==== Exercise materials

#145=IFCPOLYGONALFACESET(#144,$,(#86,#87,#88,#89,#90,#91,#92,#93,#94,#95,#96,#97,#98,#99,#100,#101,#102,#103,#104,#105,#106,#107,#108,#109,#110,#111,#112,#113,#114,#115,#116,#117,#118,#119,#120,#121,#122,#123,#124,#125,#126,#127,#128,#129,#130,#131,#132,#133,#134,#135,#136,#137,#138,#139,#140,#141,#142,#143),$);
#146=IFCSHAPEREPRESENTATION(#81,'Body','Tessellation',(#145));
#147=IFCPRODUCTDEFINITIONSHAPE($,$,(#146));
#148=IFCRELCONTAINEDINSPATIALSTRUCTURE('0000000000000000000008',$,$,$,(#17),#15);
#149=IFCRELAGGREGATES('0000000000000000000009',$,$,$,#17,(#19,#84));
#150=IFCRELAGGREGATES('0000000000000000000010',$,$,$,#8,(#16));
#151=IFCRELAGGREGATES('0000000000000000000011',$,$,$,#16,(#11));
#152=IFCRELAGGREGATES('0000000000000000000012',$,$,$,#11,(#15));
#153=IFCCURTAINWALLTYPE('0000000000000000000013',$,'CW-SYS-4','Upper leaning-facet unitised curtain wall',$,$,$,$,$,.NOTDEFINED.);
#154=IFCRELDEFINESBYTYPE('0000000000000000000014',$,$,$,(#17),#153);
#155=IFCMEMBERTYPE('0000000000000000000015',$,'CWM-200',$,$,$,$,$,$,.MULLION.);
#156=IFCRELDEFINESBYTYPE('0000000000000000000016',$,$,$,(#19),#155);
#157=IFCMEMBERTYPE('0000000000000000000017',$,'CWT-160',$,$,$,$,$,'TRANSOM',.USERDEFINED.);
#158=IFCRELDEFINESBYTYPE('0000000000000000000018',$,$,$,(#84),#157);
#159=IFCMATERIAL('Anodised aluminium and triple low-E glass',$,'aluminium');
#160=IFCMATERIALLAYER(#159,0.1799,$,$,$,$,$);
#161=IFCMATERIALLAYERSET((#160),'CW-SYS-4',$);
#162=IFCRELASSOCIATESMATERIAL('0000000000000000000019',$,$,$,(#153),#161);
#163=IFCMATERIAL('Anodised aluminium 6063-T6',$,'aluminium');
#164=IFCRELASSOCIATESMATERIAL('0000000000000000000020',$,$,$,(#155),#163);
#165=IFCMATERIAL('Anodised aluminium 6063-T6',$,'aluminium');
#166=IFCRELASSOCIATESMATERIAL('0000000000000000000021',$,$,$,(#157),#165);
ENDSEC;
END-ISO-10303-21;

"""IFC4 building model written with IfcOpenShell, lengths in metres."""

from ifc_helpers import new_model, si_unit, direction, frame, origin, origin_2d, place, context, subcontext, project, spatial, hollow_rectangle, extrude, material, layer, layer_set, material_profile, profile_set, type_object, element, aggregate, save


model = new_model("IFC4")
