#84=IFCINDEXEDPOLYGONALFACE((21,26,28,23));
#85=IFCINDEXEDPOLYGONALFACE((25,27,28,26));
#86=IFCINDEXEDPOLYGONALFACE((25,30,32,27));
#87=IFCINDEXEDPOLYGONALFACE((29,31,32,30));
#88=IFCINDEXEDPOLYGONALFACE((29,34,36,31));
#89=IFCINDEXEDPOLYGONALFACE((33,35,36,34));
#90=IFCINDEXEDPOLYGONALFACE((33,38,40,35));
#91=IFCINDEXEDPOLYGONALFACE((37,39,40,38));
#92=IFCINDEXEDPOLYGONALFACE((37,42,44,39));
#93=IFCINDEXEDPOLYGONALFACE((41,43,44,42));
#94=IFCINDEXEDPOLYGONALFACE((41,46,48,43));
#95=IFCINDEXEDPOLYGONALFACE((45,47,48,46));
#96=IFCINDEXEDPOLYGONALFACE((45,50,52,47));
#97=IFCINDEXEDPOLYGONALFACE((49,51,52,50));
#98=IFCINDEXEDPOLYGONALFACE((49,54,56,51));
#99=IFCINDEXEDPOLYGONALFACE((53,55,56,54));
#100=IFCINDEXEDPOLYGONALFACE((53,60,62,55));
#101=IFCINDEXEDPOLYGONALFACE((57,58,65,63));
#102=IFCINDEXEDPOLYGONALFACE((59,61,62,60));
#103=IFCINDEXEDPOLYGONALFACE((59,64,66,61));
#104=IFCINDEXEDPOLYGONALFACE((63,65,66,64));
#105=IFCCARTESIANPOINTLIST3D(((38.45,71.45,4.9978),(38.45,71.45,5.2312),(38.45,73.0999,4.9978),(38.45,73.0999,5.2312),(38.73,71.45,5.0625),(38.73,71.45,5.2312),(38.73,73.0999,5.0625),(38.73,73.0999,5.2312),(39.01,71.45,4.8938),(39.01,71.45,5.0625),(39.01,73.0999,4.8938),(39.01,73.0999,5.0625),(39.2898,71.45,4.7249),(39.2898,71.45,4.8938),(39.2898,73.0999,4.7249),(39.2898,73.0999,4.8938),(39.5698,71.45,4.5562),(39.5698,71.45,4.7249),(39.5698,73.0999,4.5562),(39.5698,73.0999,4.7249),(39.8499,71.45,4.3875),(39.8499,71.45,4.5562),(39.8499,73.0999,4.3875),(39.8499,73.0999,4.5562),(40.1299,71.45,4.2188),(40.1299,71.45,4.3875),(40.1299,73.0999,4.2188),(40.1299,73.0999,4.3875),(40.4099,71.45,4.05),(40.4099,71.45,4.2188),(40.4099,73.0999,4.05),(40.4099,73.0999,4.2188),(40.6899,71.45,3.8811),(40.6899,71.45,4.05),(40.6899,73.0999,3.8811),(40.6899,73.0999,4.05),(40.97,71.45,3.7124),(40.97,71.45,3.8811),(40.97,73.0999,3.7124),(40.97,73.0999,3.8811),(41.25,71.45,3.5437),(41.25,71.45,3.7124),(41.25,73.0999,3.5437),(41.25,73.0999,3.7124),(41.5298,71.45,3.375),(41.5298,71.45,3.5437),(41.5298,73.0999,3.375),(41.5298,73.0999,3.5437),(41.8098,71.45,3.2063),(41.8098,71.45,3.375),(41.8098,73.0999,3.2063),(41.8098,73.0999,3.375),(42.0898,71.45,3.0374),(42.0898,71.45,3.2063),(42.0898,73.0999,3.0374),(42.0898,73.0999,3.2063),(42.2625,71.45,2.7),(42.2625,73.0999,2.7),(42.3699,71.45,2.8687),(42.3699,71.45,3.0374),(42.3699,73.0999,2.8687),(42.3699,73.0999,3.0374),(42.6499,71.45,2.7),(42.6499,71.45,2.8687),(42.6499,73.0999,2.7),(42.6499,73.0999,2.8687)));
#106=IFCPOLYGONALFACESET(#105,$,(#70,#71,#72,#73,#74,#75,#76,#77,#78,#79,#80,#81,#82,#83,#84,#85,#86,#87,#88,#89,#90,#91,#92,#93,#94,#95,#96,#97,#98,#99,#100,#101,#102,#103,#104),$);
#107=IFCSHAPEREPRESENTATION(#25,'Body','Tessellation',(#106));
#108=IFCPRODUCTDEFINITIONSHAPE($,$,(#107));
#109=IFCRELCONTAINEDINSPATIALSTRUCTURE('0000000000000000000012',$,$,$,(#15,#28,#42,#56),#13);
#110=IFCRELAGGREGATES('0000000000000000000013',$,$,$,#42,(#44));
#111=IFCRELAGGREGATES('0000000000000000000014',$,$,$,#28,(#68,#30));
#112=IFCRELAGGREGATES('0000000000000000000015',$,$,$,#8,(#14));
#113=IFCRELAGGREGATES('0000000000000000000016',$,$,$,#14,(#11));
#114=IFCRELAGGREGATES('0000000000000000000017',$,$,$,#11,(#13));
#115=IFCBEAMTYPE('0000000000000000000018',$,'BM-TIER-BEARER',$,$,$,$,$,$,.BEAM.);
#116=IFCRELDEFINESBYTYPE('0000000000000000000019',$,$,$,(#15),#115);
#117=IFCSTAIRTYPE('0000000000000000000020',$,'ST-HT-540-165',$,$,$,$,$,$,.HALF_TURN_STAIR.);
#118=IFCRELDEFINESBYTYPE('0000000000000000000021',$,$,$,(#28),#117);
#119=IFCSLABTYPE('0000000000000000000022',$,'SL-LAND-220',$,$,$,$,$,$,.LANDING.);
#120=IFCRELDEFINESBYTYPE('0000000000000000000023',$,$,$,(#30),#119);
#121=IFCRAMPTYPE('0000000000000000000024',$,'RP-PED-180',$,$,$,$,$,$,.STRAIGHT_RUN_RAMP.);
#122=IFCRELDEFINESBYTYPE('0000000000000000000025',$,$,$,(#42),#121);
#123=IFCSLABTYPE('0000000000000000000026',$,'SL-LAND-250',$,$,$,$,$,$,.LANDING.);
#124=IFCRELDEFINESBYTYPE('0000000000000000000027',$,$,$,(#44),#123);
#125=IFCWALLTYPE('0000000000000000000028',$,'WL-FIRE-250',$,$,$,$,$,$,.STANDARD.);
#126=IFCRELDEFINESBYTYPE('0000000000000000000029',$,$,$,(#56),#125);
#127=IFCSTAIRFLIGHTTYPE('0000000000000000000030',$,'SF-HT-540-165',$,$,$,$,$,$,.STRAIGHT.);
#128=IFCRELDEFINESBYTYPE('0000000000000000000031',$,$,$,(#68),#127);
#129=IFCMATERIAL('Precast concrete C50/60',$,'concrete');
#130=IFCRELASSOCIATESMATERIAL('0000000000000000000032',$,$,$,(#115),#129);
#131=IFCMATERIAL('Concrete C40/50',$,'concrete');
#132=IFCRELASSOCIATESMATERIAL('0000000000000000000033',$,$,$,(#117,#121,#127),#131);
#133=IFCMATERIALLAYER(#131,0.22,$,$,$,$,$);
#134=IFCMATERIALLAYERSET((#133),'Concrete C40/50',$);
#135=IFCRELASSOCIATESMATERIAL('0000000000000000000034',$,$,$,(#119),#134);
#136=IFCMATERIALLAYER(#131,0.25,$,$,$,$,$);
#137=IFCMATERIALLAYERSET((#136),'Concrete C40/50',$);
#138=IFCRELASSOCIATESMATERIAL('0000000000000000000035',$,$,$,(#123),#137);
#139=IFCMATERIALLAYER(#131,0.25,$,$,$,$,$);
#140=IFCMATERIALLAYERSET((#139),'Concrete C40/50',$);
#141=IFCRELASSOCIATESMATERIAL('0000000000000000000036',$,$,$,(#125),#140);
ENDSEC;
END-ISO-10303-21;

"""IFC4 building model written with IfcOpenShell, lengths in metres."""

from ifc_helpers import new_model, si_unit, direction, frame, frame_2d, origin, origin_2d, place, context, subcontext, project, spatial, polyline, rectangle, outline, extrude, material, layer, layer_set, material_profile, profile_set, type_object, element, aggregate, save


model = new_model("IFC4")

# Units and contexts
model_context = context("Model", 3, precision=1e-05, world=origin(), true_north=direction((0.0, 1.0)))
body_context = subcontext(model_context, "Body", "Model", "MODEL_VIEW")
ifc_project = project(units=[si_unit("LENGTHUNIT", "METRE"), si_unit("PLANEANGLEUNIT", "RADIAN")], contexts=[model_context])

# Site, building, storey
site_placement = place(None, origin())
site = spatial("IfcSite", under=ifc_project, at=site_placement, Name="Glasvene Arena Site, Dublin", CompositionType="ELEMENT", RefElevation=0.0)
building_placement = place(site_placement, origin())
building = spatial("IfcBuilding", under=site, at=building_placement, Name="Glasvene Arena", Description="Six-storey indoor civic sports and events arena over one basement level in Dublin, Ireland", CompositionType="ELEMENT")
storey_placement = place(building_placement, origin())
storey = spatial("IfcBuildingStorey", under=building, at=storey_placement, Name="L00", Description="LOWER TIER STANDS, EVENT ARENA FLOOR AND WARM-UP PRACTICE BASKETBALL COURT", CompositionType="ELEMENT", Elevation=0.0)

========

Aim of the task -> Check every line of the entries above, and copy those that carry the string "IFCPRODUCTDEFINITIONSHAPE".

Task output ->
#147=IFCPRODUCTDEFINITIONSHAPE($,$,(#146));
#108=IFCPRODUCTDEFINITIONSHAPE($,$,(#107));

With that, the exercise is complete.